What is expected: Where a line below contains "IFCRELAGGREGATES", count it. Reply with the total only.
■ ■ ■ ■ ■ ■ ■
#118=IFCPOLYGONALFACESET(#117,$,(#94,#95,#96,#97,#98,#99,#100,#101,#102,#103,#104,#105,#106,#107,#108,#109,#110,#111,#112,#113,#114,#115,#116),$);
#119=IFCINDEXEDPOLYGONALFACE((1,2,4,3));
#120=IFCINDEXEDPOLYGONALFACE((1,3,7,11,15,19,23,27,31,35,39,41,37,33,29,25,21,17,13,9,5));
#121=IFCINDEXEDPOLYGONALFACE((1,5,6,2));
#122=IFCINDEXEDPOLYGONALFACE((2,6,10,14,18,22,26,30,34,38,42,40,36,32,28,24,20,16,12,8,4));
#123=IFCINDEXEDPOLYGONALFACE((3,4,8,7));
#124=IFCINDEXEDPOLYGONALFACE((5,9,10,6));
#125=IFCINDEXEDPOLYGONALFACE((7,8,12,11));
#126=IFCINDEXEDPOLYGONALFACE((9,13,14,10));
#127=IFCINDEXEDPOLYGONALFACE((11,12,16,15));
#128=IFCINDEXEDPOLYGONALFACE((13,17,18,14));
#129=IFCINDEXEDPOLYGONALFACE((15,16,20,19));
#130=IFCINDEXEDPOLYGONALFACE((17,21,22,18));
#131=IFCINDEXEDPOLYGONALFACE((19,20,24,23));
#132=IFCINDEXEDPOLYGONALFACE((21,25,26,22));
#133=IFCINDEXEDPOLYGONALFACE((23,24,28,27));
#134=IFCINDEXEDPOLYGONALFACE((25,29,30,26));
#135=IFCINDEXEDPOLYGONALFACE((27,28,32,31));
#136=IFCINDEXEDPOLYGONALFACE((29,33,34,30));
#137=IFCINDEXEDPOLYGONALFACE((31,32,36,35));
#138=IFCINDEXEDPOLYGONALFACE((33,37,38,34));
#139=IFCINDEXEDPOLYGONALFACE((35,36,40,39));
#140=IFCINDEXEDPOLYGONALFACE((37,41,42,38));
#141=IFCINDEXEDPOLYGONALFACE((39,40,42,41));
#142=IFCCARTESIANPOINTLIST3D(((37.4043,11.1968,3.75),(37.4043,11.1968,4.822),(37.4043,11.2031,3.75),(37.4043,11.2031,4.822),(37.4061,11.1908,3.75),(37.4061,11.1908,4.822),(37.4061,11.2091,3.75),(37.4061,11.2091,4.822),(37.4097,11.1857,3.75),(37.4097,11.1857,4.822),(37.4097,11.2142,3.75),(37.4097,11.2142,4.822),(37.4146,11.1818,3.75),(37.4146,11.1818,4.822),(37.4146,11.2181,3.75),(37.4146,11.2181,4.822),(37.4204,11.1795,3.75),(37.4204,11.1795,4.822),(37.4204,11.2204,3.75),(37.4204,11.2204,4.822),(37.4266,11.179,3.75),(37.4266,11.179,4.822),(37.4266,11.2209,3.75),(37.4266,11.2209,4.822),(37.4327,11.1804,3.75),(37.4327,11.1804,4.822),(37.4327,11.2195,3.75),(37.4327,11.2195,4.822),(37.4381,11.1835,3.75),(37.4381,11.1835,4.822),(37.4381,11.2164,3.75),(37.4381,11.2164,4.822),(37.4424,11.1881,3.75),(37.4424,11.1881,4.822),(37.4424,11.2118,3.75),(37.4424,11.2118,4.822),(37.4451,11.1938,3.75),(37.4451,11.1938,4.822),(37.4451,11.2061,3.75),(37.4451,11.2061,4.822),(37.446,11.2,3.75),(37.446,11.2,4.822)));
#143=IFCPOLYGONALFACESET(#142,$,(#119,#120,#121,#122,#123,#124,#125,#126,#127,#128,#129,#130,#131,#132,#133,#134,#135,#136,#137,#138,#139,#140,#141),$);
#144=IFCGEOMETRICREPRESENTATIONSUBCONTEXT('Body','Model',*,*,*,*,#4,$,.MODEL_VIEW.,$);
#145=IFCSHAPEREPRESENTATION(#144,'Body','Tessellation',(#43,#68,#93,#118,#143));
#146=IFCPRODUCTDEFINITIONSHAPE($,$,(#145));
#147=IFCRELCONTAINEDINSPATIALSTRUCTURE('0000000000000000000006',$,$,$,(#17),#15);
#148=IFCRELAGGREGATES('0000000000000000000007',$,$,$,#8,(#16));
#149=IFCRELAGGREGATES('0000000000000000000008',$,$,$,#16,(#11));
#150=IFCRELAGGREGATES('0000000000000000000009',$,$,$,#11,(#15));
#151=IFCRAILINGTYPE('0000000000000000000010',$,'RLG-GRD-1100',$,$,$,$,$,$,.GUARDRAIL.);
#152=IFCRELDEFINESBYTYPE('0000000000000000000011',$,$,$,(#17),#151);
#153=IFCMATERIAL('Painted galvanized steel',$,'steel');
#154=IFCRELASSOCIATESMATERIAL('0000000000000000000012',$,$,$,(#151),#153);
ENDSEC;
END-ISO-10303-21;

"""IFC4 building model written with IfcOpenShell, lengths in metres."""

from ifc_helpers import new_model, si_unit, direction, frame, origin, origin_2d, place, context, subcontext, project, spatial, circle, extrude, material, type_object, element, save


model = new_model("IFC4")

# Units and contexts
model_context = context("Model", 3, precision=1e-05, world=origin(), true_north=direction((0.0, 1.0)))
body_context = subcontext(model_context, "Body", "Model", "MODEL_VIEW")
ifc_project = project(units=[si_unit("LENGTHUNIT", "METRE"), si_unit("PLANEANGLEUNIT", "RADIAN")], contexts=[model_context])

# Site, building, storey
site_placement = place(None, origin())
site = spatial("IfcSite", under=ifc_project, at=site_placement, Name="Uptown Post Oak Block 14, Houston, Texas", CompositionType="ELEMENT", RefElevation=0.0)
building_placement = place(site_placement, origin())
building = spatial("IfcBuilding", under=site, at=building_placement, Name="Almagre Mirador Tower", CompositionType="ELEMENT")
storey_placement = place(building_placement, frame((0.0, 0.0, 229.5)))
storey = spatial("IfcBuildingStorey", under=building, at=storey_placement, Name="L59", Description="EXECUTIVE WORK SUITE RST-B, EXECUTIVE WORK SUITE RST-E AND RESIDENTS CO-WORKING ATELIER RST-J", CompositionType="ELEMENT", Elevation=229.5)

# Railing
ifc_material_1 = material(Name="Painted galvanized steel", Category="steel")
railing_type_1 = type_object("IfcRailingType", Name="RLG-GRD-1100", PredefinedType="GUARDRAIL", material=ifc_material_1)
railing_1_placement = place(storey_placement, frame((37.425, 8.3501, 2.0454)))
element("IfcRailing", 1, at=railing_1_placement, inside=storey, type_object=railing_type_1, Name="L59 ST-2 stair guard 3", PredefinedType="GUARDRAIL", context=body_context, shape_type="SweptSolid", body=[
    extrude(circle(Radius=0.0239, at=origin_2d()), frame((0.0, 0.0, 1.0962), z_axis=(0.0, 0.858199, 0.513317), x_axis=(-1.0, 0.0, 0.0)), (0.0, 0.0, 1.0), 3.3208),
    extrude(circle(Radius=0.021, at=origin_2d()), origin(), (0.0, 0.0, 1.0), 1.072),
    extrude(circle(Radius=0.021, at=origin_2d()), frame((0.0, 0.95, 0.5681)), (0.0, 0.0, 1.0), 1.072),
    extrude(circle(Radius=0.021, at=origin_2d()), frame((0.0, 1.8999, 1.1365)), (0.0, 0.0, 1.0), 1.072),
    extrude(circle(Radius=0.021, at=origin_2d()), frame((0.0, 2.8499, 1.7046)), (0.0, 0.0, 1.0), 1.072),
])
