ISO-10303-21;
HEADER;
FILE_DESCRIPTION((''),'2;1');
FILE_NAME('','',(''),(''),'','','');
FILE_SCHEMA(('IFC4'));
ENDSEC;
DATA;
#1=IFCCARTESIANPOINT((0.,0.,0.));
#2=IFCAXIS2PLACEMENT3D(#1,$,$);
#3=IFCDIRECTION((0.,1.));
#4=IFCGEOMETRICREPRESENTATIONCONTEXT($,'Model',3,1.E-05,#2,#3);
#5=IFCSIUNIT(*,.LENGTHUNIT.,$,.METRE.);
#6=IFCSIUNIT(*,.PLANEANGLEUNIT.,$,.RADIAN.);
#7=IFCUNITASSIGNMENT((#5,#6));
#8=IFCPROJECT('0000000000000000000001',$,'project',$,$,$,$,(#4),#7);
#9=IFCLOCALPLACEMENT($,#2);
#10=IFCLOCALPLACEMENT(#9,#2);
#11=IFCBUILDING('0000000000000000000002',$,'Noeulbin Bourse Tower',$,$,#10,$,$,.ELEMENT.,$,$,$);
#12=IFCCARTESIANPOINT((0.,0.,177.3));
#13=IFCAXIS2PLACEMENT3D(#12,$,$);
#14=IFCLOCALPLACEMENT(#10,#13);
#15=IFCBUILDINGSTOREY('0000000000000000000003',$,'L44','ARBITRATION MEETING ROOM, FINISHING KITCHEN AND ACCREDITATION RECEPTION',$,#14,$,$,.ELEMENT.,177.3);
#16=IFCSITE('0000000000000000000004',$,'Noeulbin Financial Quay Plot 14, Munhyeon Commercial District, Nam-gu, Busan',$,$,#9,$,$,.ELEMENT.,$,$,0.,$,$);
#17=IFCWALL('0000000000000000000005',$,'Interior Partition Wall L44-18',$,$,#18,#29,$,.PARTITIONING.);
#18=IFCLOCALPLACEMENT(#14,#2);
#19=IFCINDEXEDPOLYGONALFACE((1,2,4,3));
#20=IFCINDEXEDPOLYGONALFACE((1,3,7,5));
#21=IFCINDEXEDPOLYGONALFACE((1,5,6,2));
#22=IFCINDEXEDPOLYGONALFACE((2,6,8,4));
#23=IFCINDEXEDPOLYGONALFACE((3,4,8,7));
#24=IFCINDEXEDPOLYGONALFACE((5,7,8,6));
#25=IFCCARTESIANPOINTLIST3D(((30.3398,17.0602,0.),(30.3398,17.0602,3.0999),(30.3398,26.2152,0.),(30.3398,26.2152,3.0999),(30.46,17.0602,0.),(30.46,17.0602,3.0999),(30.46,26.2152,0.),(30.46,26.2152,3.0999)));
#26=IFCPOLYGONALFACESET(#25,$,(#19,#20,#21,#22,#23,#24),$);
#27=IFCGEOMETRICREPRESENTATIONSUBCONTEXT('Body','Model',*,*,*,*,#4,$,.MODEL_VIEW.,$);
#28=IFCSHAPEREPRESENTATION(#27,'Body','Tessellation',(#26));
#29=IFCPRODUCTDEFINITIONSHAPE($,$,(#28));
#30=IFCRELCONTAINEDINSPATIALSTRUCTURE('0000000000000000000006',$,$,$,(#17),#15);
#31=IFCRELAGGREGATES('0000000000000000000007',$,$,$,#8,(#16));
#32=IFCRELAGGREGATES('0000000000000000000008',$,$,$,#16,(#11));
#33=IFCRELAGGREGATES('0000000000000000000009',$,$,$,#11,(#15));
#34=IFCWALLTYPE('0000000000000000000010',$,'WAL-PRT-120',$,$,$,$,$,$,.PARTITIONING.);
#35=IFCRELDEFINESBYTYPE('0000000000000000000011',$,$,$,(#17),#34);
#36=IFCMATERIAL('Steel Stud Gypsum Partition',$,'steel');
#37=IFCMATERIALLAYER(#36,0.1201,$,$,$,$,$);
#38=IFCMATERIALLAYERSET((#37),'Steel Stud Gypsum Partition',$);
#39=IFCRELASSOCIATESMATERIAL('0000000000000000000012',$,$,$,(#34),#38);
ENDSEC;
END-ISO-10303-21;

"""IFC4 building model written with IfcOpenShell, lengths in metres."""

from ifc_helpers import new_model, si_unit, direction, frame, frame_2d, origin, place, context, subcontext, project, spatial, rectangle, extrude, material, layer, layer_set, type_object, element, save


model = new_model("IFC4")

# Units and contexts
model_context = context("Model", 3, precision=1e-05, world=origin(), true_north=direction((0.0, 1.0)))
body_context = subcontext(model_context, "Body", "Model", "MODEL_VIEW")
ifc_project = project(units=[si_unit("LENGTHUNIT", "METRE"), si_unit("PLANEANGLEUNIT", "RADIAN")], contexts=[model_context])

# Site, building, storey
site_placement = place(None, origin())
site = spatial("IfcSite", under=ifc_project, at=site_placement, Name="Noeulbin Financial Quay Plot 14, Munhyeon Commercial District, Nam-gu, Busan", CompositionType="ELEMENT", RefElevation=0.0)
building_placement = place(site_placement, origin())
building = spatial("IfcBuilding", under=site, at=building_placement, Name="Noeulbin Bourse Tower", CompositionType="ELEMENT")
storey_placement = place(building_placement, frame((0.0, 0.0, 177.3)))
storey = spatial("IfcBuildingStorey", under=building, at=storey_placement, Name="L44", Description="ARBITRATION MEETING ROOM, FINISHING KITCHEN AND ACCREDITATION RECEPTION", CompositionType="ELEMENT", Elevation=177.3)

# Wall
ifc_material_1 = material(Name="Steel Stud Gypsum Partition", Category="steel")
ifc_layer_1 = layer(ifc_material_1, 0.1201)
ifc_layer_set_1 = layer_set([ifc_layer_1], Name="Steel Stud Gypsum Partition")
wall_type_1 = type_object("IfcWallType", Name="WAL-PRT-120", PredefinedType="PARTITIONING", material=ifc_layer_set_1)
wall_placement = place(storey_placement, frame((30.3999, 17.0601, 0.0), z_axis=(0.0, 0.0, 1.0), x_axis=(0.0, 1.0, 0.0)))
element("IfcWall", 1, at=wall_placement, inside=storey, type_object=wall_type_1, Name="Interior Partition Wall L44-18", PredefinedType="PARTITIONING", context=body_context, shape_type="SweptSolid", body=[
    extrude(rectangle(XDim=9.155, YDim=0.1201, at=frame_2d((4.5776, 0.0))), origin(), (0.0, 0.0, 1.0), 3.0999),
])

save(model, "model.ifc")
■ ■ ■ ■ ■ ■ ■
Answer box: 6